**Work instructions**
A faithful, word-for-word transcription of all the data is what is needed.

**Information provided**

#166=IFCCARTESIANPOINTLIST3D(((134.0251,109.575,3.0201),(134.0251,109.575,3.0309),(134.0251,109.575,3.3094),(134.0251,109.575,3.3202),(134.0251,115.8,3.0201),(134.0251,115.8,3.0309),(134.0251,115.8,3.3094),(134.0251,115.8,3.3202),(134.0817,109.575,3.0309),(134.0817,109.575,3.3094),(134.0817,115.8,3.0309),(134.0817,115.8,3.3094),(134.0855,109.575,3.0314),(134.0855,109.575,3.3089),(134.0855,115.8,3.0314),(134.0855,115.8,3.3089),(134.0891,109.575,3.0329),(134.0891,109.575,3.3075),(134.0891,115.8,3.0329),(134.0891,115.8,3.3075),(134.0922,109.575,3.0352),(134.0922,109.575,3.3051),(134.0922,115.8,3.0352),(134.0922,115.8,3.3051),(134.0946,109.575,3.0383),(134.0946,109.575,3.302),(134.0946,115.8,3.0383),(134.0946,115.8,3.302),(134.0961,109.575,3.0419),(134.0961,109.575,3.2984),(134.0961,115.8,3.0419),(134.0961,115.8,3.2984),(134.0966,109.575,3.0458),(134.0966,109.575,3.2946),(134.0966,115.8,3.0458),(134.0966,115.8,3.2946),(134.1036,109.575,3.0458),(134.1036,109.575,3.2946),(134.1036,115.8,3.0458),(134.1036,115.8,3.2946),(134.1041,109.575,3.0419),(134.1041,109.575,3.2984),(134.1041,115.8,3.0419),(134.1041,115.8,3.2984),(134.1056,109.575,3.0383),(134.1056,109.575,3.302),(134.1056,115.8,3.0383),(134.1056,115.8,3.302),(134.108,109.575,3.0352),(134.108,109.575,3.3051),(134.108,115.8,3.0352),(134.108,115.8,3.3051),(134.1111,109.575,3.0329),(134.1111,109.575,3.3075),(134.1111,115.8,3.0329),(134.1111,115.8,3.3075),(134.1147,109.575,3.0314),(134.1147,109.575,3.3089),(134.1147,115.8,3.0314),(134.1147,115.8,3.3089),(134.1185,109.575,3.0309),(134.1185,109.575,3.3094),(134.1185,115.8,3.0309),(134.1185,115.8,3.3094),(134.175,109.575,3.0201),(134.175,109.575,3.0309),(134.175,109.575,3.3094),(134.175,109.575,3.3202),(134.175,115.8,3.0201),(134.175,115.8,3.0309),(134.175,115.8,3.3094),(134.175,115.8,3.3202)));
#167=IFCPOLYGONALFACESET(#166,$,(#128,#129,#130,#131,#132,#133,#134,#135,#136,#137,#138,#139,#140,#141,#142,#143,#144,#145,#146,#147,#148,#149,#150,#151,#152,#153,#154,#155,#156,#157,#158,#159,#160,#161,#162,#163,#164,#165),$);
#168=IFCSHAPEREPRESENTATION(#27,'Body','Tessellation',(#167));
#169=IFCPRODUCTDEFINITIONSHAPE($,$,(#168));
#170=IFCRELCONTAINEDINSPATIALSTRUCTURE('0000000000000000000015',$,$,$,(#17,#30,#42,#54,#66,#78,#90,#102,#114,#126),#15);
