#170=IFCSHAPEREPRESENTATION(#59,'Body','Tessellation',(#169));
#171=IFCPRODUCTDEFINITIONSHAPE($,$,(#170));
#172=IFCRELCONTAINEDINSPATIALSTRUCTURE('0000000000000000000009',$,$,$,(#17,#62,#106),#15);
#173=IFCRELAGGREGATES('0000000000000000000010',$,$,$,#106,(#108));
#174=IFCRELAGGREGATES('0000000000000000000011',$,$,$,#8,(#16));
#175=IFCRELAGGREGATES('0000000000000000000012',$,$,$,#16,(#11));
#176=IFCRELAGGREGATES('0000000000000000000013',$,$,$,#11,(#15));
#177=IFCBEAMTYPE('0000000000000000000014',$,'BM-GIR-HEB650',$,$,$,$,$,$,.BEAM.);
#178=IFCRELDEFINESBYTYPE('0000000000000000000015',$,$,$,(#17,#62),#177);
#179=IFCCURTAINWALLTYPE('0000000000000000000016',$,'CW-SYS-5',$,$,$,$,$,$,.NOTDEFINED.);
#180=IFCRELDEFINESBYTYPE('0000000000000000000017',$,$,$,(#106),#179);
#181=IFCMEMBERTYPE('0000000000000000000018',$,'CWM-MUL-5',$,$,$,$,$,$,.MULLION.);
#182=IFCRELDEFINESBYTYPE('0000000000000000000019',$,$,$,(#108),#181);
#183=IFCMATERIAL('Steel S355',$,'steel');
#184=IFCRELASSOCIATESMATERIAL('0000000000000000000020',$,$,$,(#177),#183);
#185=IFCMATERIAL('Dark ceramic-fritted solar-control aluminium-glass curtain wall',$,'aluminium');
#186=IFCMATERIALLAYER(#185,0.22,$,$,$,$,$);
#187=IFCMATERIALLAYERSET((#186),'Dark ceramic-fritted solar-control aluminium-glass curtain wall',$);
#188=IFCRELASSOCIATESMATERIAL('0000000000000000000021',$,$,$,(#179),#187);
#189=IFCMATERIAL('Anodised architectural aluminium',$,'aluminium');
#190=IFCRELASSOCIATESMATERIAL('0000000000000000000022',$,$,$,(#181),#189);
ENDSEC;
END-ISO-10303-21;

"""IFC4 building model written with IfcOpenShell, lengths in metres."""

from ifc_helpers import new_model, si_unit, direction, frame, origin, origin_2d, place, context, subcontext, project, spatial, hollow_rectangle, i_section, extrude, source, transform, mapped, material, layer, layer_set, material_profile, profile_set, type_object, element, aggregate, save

**Response**
#166=IFCCARTESIANPOINTLIST3D(((134.0251,109.575,3.0201),(134.0251,109.575,3.0309),(134.0251,109.575,3.3094),(134.0251,109.575,3.3202),(134.0251,115.8,3.0201),(134.0251,115.8,3.0309),(134.0251,115.8,3.3094),(134.0251,115.8,3.3202),(134.0817,109.575,3.0309),(134.0817,109.575,3.3094),(134.0817,115.8,3.0309),(134.0817,115.8,3.3094),(134.0855,109.575,3.0314),(134.0855,109.575,3.3089),(134.0855,115.8,3.0314),(134.0855,115.8,3.3089),(134.0891,109.575,3.0329),(134.0891,109.575,3.3075),(134.0891,115.8,3.0329),(134.0891,115.8,3.3075),(134.0922,109.575,3.0352),(134.0922,109.575,3.3051),(134.0922,115.8,3.0352),(134.0922,115.8,3.3051),(134.0946,109.575,3.0383),(134.0946,109.575,3.302),(134.0946,115.8,3.0383),(134.0946,115.8,3.302),(134.0961,109.575,3.0419),(134.0961,109.575,3.2984),(134.0961,115.8,3.0419),(134.0961,115.8,3.2984),(134.0966,109.575,3.0458),(134.0966,109.575,3.2946),(134.0966,115.8,3.0458),(134.0966,115.8,3.2946),(134.1036,109.575,3.0458),(134.1036,109.575,3.2946),(134.1036,115.8,3.0458),(134.1036,115.8,3.2946),(134.1041,109.575,3.0419),(134.1041,109.575,3.2984),(134.1041,115.8,3.0419),(134.1041,115.8,3.2984),(134.1056,109.575,3.0383),(134.1056,109.575,3.302),(134.1056,115.8,3.0383),(134.1056,115.8,3.302),(134.108,109.575,3.0352),(134.108,109.575,3.3051),(134.108,115.8,3.0352),(134.108,115.8,3.3051),(134.1111,109.575,3.0329),(134.1111,109.575,3.3075),(134.1111,115.8,3.0329),(134.1111,115.8,3.3075),(134.1147,109.575,3.0314),(134.1147,109.575,3.3089),(134.1147,115.8,3.0314),(134.1147,115.8,3.3089),(134.1185,109.575,3.0309),(134.1185,109.575,3.3094),(134.1185,115.8,3.0309),(134.1185,115.8,3.3094),(134.175,109.575,3.0201),(134.175,109.575,3.0309),(134.175,109.575,3.3094),(134.175,109.575,3.3202),(134.175,115.8,3.0201),(134.175,115.8,3.0309),(134.175,115.8,3.3094),(134.175,115.8,3.3202)));
#167=IFCPOLYGONALFACESET(#166,$,(#128,#129,#130,#131,#132,#133,#134,#135,#136,#137,#138,#139,#140,#141,#142,#143,#144,#145,#146,#147,#148,#149,#150,#151,#152,#153,#154,#155,#156,#157,#158,#159,#160,#161,#162,#163,#164,#165),$);
#168=IFCSHAPEREPRESENTATION(#27,'Body','Tessellation',(#167));
#169=IFCPRODUCTDEFINITIONSHAPE($,$,(#168));
#170=IFCRELCONTAINEDINSPATIALSTRUCTURE('0000000000000000000015',$,$,$,(#17,#30,#42,#54,#66,#78,#90,#102,#114,#126),#15);
#170=IFCSHAPEREPRESENTATION(#59,'Body','Tessellation',(#169));
#171=IFCPRODUCTDEFINITIONSHAPE($,$,(#170));
#172=IFCRELCONTAINEDINSPATIALSTRUCTURE('0000000000000000000009',$,$,$,(#17,#62,#106),#15);
#173=IFCRELAGGREGATES('0000000000000000000010',$,$,$,#106,(#108));
#174=IFCRELAGGREGATES('0000000000000000000011',$,$,$,#8,(#16));
#175=IFCRELAGGREGATES('0000000000000000000012',$,$,$,#16,(#11));
#176=IFCRELAGGREGATES('0000000000000000000013',$,$,$,#11,(#15));
#177=IFCBEAMTYPE('0000000000000000000014',$,'BM-GIR-HEB650',$,$,$,$,$,$,.BEAM.);
#178=IFCRELDEFINESBYTYPE('0000000000000000000015',$,$,$,(#17,#62),#177);
#179=IFCCURTAINWALLTYPE('0000000000000000000016',$,'CW-SYS-5',$,$,$,$,$,$,.NOTDEFINED.);
#180=IFCRELDEFINESBYTYPE('0000000000000000000017',$,$,$,(#106),#179);
#181=IFCMEMBERTYPE('0000000000000000000018',$,'CWM-MUL-5',$,$,$,$,$,$,.MULLION.);
#182=IFCRELDEFINESBYTYPE('0000000000000000000019',$,$,$,(#108),#181);
#183=IFCMATERIAL('Steel S355',$,'steel');
#184=IFCRELASSOCIATESMATERIAL('0000000000000000000020',$,$,$,(#177),#183);
#185=IFCMATERIAL('Dark ceramic-fritted solar-control aluminium-glass curtain wall',$,'aluminium');
#186=IFCMATERIALLAYER(#185,0.22,$,$,$,$,$);
#187=IFCMATERIALLAYERSET((#186),'Dark ceramic-fritted solar-control aluminium-glass curtain wall',$);
#188=IFCRELASSOCIATESMATERIAL('0000000000000000000021',$,$,$,(#179),#187);
#189=IFCMATERIAL('Anodised architectural aluminium',$,'aluminium');
#190=IFCRELASSOCIATESMATERIAL('0000000000000000000022',$,$,$,(#181),#189);
ENDSEC;
END-ISO-10303-21;

"""IFC4 building model written with IfcOpenShell, lengths in metres."""

from ifc_helpers import new_model, si_unit, direction, frame, origin, origin_2d, place, context, subcontext, project, spatial, hollow_rectangle, i_section, extrude, source, transform, mapped, material, layer, layer_set, material_profile, profile_set, type_object, element, aggregate, save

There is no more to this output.